ACTIVITY -
Please count the lines below that contain the word "contexts", and reply with that number alone.
### ENTRIES SUPPLIED ###
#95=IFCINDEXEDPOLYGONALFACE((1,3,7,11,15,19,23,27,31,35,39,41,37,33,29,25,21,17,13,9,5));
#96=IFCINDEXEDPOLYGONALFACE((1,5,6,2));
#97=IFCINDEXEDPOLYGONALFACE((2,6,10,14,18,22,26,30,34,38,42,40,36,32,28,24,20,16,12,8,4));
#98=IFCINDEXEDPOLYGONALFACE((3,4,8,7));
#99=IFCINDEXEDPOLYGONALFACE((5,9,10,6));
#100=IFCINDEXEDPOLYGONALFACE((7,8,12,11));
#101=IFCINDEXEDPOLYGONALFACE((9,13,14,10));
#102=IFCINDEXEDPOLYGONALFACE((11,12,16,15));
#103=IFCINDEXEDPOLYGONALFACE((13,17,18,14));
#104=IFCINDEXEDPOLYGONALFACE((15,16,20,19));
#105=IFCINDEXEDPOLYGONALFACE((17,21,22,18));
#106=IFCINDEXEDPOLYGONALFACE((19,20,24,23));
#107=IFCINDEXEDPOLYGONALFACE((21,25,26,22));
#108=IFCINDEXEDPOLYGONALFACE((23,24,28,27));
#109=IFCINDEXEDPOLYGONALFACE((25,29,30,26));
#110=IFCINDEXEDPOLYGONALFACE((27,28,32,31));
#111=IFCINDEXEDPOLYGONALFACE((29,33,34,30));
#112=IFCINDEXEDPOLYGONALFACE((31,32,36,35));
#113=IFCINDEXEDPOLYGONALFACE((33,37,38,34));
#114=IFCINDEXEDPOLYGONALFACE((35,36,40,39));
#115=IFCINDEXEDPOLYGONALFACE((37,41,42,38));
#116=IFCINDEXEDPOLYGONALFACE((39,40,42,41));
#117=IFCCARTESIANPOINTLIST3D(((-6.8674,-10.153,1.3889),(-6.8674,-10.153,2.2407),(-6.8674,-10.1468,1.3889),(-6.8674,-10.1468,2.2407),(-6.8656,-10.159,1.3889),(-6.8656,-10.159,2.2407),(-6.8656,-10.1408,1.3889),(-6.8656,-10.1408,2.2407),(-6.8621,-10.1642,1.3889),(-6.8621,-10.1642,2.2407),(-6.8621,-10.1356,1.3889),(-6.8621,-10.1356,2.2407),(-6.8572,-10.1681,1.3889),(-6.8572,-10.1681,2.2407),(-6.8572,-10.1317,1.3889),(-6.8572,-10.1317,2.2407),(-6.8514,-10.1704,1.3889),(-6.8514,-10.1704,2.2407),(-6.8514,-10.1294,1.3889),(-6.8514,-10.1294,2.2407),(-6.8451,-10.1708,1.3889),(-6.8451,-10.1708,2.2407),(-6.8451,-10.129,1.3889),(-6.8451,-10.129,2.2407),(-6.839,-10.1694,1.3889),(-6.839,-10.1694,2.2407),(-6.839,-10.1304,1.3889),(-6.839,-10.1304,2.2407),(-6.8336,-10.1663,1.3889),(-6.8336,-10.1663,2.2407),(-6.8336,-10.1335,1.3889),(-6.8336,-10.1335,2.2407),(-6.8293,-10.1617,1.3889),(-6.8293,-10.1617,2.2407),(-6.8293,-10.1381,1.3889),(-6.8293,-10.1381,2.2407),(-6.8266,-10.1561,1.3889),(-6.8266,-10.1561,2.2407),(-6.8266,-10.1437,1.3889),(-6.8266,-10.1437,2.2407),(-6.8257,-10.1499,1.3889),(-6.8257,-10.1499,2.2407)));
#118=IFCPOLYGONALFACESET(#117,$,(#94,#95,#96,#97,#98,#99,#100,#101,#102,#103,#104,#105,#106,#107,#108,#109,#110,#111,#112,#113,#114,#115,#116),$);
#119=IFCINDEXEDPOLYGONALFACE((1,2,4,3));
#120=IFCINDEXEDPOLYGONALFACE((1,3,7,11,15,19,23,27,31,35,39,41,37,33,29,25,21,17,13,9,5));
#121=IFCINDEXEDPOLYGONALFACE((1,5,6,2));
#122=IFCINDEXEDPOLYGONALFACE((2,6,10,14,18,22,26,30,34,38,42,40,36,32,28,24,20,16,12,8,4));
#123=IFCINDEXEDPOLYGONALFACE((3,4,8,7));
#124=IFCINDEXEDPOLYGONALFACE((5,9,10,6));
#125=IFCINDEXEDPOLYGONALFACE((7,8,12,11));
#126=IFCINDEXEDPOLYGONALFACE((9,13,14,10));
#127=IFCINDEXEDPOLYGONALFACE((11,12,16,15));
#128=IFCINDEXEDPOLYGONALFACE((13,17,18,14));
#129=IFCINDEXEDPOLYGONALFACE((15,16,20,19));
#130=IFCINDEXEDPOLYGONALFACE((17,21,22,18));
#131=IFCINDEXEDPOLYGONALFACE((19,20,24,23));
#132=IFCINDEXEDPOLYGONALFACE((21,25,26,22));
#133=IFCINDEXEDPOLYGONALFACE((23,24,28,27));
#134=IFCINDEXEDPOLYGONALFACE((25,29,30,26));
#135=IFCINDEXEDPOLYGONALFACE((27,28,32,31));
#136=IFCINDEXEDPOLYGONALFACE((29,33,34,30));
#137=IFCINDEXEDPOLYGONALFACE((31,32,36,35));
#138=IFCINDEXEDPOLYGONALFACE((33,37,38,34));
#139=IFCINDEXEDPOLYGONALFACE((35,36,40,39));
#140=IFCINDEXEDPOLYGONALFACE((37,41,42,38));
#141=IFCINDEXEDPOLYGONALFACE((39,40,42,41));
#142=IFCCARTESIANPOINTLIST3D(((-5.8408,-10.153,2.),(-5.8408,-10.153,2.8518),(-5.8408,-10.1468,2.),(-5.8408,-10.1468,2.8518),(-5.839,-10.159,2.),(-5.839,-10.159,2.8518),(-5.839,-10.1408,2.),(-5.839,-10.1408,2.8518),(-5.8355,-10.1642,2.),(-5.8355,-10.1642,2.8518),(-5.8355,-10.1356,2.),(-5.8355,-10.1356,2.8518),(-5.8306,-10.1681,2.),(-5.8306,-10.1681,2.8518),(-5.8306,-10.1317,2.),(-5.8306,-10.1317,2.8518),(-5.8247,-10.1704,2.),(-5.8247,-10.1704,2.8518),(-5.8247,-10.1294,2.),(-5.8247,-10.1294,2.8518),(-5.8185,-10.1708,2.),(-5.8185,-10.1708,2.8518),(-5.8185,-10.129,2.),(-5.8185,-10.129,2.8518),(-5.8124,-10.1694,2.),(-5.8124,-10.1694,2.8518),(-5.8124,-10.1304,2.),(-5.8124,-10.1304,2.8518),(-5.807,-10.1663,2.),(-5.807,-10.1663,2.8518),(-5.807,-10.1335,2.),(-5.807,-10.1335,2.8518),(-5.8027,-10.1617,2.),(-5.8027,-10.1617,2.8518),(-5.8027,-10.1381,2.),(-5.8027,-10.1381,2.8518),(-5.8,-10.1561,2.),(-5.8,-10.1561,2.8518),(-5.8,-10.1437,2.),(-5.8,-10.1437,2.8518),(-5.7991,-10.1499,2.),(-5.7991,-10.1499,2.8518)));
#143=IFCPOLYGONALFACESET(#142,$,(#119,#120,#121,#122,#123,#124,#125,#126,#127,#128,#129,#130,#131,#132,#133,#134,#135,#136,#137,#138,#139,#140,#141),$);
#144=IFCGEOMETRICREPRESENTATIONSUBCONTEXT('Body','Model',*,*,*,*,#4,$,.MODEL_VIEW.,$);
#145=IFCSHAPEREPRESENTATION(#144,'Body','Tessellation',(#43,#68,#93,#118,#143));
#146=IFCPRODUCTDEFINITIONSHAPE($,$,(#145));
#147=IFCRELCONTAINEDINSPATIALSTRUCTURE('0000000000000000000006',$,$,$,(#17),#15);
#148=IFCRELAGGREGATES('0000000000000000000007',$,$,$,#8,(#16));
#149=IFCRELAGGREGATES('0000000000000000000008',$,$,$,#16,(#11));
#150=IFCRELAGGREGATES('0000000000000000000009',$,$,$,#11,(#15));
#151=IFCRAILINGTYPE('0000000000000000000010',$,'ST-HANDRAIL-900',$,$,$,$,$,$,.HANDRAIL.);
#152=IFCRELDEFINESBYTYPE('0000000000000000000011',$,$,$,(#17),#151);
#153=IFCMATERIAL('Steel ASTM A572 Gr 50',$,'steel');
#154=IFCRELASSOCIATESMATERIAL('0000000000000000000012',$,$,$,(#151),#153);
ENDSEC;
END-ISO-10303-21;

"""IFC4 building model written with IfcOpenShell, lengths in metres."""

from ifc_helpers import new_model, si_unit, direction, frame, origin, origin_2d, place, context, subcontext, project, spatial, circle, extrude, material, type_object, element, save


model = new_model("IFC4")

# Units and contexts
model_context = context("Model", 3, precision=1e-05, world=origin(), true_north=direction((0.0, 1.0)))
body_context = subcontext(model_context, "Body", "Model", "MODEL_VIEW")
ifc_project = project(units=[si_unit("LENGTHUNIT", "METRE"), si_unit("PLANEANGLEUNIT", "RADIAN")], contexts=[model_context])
###
WRITTEN RESPONSE -
2